## Exercise objective:
Go through the entries below and print, exactly, the lines starting at the one with "#27=IFCINDEXEDPOLYGONALFACE((1,2,4,3));" and ending at the one with "#38=IFCINDEXEDPOLYGONALFACE((2,6,8,4));", keeping both ends and no others.

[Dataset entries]
**********

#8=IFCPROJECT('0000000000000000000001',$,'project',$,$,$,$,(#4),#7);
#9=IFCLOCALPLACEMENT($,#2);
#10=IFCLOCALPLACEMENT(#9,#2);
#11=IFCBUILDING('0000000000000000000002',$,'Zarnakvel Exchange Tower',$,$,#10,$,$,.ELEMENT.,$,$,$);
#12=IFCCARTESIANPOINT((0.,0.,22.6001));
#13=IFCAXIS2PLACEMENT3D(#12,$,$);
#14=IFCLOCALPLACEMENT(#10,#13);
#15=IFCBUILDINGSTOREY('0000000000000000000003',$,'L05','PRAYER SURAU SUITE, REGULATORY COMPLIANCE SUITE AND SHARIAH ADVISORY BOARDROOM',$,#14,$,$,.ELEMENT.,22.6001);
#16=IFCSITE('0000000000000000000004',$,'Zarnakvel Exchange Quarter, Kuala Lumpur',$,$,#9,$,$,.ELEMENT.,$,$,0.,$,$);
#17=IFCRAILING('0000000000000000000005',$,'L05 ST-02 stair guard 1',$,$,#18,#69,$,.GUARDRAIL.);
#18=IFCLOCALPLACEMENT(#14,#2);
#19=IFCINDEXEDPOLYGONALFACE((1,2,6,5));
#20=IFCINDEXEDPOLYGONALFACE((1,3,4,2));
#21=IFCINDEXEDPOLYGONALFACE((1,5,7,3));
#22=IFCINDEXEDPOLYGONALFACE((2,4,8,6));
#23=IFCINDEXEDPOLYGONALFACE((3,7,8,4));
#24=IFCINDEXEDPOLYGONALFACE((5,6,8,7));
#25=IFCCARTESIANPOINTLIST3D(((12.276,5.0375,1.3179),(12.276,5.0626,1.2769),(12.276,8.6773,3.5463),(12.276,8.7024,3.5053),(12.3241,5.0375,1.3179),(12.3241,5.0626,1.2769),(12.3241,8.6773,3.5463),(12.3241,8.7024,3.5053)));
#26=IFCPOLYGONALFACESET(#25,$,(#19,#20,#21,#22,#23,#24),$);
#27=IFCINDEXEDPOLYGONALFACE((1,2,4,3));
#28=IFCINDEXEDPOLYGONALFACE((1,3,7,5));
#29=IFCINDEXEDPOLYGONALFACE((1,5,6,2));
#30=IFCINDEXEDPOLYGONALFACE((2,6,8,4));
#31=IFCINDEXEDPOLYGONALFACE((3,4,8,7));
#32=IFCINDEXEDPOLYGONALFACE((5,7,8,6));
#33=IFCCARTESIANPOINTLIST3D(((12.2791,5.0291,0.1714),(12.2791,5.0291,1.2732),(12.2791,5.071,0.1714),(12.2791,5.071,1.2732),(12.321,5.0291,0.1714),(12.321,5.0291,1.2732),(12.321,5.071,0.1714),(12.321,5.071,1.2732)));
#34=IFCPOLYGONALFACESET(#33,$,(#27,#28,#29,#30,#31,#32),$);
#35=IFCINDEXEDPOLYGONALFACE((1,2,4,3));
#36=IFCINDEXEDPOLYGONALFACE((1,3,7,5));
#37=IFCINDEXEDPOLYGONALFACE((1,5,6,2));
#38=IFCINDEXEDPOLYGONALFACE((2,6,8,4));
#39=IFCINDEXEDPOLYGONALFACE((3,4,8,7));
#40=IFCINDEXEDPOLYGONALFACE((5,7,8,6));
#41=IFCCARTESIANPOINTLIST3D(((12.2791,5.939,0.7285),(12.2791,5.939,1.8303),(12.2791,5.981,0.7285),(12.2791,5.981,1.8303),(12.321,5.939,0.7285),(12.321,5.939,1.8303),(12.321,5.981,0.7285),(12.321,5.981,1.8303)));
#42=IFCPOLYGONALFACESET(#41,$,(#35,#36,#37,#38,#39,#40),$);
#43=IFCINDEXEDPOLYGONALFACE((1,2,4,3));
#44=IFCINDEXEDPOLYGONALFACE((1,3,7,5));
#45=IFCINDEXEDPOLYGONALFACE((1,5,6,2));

**********

## Problem solution:
#27=IFCINDEXEDPOLYGONALFACE((1,2,4,3));
#28=IFCINDEXEDPOLYGONALFACE((1,3,7,5));
#29=IFCINDEXEDPOLYGONALFACE((1,5,6,2));
#30=IFCINDEXEDPOLYGONALFACE((2,6,8,4));
#31=IFCINDEXEDPOLYGONALFACE((3,4,8,7));
#32=IFCINDEXEDPOLYGONALFACE((5,7,8,6));
#33=IFCCARTESIANPOINTLIST3D(((12.2791,5.0291,0.1714),(12.2791,5.0291,1.2732),(12.2791,5.071,0.1714),(12.2791,5.071,1.2732),(12.321,5.0291,0.1714),(12.321,5.0291,1.2732),(12.321,5.071,0.1714),(12.321,5.071,1.2732)));
#34=IFCPOLYGONALFACESET(#33,$,(#27,#28,#29,#30,#31,#32),$);
#35=IFCINDEXEDPOLYGONALFACE((1,2,4,3));
#36=IFCINDEXEDPOLYGONALFACE((1,3,7,5));
#37=IFCINDEXEDPOLYGONALFACE((1,5,6,2));
#38=IFCINDEXEDPOLYGONALFACE((2,6,8,4));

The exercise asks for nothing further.